SOURCE DATA ▸
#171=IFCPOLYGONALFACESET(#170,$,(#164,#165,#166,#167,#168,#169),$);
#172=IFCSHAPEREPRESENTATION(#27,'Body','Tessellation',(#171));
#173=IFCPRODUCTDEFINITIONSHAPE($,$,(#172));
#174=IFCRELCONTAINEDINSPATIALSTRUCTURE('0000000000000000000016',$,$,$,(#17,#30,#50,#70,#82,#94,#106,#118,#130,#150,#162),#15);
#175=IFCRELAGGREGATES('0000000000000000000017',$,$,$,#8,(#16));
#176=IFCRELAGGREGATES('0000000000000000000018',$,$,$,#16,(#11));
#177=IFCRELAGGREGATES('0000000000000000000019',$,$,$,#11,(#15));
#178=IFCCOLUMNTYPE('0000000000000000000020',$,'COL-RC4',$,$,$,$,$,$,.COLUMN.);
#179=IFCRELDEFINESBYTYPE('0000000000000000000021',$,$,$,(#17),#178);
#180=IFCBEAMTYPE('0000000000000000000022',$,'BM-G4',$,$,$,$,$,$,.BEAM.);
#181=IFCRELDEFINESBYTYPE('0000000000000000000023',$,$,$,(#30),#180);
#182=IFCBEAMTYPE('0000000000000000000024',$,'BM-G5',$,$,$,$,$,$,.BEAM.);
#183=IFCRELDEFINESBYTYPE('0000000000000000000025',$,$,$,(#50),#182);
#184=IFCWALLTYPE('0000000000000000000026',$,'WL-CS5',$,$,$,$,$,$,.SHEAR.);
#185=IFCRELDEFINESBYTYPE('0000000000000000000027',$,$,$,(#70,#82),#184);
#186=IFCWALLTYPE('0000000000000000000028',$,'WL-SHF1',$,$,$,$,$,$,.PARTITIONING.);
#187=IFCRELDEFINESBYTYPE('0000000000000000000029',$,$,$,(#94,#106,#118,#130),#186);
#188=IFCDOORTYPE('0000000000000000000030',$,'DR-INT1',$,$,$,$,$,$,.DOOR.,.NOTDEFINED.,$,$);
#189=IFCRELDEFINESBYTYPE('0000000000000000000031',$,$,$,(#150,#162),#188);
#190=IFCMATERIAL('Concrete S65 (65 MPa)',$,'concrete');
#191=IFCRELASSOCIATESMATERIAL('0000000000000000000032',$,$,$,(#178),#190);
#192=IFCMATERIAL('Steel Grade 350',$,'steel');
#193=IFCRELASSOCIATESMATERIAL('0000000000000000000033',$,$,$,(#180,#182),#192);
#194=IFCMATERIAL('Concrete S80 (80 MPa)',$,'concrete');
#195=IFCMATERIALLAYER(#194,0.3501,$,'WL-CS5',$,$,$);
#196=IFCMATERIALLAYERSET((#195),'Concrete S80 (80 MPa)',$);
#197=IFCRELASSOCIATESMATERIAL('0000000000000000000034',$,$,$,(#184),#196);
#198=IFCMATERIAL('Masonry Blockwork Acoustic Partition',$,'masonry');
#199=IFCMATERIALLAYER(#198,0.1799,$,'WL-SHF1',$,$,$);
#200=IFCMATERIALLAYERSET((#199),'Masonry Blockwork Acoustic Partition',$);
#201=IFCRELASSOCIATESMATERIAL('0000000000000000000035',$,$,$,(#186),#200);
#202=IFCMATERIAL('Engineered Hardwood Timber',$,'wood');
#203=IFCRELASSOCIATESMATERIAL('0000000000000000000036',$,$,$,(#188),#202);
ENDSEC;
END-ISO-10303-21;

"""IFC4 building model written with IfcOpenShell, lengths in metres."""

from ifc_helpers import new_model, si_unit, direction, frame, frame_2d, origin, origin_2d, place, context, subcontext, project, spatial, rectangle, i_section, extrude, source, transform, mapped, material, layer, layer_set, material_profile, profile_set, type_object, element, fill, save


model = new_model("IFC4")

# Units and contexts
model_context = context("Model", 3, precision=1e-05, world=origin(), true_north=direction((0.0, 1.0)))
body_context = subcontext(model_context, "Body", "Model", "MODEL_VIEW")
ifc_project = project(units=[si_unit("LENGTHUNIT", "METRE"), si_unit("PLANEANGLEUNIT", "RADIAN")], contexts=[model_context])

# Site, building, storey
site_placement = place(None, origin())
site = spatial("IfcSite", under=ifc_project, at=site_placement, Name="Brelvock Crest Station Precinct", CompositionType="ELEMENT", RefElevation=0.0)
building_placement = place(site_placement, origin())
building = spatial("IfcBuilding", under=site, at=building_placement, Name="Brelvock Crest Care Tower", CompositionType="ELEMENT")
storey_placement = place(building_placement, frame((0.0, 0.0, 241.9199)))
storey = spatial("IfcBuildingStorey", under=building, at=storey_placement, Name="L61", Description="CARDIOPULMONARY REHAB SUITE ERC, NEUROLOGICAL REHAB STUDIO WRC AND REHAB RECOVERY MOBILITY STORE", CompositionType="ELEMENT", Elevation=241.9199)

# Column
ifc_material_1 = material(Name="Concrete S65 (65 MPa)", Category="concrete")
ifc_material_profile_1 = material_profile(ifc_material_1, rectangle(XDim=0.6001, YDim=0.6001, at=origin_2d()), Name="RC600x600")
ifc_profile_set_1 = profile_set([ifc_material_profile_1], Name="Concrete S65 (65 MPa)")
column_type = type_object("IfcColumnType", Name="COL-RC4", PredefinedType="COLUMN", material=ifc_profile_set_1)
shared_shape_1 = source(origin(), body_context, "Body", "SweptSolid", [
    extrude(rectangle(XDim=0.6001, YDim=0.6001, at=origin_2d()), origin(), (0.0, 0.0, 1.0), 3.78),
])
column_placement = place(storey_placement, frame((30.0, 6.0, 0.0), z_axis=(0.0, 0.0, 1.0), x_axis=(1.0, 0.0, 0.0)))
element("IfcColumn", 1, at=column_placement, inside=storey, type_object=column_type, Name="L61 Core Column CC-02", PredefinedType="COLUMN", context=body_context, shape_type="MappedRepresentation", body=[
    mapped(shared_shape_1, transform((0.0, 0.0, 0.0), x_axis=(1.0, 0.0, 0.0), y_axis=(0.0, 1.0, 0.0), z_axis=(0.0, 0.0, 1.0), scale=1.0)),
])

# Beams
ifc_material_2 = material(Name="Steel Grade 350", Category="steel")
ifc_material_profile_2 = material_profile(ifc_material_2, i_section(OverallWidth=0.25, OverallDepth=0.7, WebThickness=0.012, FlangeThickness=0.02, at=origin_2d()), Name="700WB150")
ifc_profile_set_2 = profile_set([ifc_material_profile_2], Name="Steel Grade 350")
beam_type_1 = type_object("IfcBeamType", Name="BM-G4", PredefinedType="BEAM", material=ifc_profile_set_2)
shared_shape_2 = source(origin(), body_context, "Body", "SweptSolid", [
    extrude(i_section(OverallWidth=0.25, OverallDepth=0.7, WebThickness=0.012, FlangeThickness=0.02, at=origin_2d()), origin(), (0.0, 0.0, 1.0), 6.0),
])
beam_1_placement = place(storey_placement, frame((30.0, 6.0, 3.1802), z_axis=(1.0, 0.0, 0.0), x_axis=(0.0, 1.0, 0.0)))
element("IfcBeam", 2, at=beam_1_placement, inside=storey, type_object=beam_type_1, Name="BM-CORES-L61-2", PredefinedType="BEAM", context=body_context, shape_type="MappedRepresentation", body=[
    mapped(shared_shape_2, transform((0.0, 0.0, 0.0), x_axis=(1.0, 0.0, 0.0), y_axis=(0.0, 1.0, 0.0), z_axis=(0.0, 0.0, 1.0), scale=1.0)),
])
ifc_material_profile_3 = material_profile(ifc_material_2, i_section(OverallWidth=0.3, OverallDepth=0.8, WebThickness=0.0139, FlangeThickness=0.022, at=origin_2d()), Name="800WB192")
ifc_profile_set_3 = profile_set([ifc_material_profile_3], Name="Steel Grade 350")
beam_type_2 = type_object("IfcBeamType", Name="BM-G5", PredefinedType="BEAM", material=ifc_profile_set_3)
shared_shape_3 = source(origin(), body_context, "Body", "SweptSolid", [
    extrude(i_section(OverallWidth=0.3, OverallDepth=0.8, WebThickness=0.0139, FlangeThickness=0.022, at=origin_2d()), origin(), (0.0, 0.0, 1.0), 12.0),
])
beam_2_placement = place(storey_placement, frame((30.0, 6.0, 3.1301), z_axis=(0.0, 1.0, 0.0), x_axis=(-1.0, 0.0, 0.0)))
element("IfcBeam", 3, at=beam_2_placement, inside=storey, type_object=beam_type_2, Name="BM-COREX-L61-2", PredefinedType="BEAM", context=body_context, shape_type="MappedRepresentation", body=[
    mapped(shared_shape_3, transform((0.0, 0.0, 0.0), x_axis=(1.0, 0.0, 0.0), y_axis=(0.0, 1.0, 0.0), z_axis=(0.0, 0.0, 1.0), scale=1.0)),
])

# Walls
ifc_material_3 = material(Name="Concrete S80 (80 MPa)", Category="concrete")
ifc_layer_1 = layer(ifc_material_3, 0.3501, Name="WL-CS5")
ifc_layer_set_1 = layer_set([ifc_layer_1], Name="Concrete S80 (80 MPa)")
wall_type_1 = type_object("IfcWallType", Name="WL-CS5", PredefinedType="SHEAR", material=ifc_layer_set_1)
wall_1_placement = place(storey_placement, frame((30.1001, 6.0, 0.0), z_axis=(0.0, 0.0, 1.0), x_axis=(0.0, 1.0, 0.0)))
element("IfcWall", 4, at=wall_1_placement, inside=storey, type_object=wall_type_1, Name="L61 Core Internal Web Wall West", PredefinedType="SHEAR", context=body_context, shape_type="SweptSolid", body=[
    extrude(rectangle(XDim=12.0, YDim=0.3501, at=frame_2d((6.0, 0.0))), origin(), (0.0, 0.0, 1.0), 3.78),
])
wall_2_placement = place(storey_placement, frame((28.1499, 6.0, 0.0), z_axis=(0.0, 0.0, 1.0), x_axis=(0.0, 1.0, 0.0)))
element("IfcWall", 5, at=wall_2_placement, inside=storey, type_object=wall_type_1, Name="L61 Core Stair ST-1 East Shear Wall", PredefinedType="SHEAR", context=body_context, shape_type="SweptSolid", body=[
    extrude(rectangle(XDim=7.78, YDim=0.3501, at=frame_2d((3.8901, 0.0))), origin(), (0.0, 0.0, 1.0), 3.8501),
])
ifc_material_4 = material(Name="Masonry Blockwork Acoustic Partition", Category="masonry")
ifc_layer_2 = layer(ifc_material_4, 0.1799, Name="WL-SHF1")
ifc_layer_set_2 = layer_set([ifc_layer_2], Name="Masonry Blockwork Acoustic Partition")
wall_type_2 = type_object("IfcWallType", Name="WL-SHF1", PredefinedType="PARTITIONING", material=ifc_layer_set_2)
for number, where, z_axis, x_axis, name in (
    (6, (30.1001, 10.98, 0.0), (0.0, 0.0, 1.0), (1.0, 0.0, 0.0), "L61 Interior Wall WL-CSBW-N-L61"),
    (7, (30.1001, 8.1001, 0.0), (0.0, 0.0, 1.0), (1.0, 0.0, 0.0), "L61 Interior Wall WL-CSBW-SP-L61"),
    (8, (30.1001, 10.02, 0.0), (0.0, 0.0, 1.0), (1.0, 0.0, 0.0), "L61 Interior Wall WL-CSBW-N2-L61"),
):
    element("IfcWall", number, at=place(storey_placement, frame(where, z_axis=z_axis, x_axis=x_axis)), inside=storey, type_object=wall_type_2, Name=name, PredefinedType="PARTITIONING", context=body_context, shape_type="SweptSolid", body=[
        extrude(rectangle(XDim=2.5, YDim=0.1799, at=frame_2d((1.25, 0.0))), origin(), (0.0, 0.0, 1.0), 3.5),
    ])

DIRECTIONS ▸ Some lines in the data above hold the string "SHEAR". Find and copy each of them.

RESPONSE ▸
#184=IFCWALLTYPE('0000000000000000000026',$,'WL-CS5',$,$,$,$,$,$,.SHEAR.);
wall_type_1 = type_object("IfcWallType", Name="WL-CS5", PredefinedType="SHEAR", material=ifc_layer_set_1)
element("IfcWall", 4, at=wall_1_placement, inside=storey, type_object=wall_type_1, Name="L61 Core Internal Web Wall West", PredefinedType="SHEAR", context=body_context, shape_type="SweptSolid", body=[
element("IfcWall", 5, at=wall_2_placement, inside=storey, type_object=wall_type_1, Name="L61 Core Stair ST-1 East Shear Wall", PredefinedType="SHEAR", context=body_context, shape_type="SweptSolid", body=[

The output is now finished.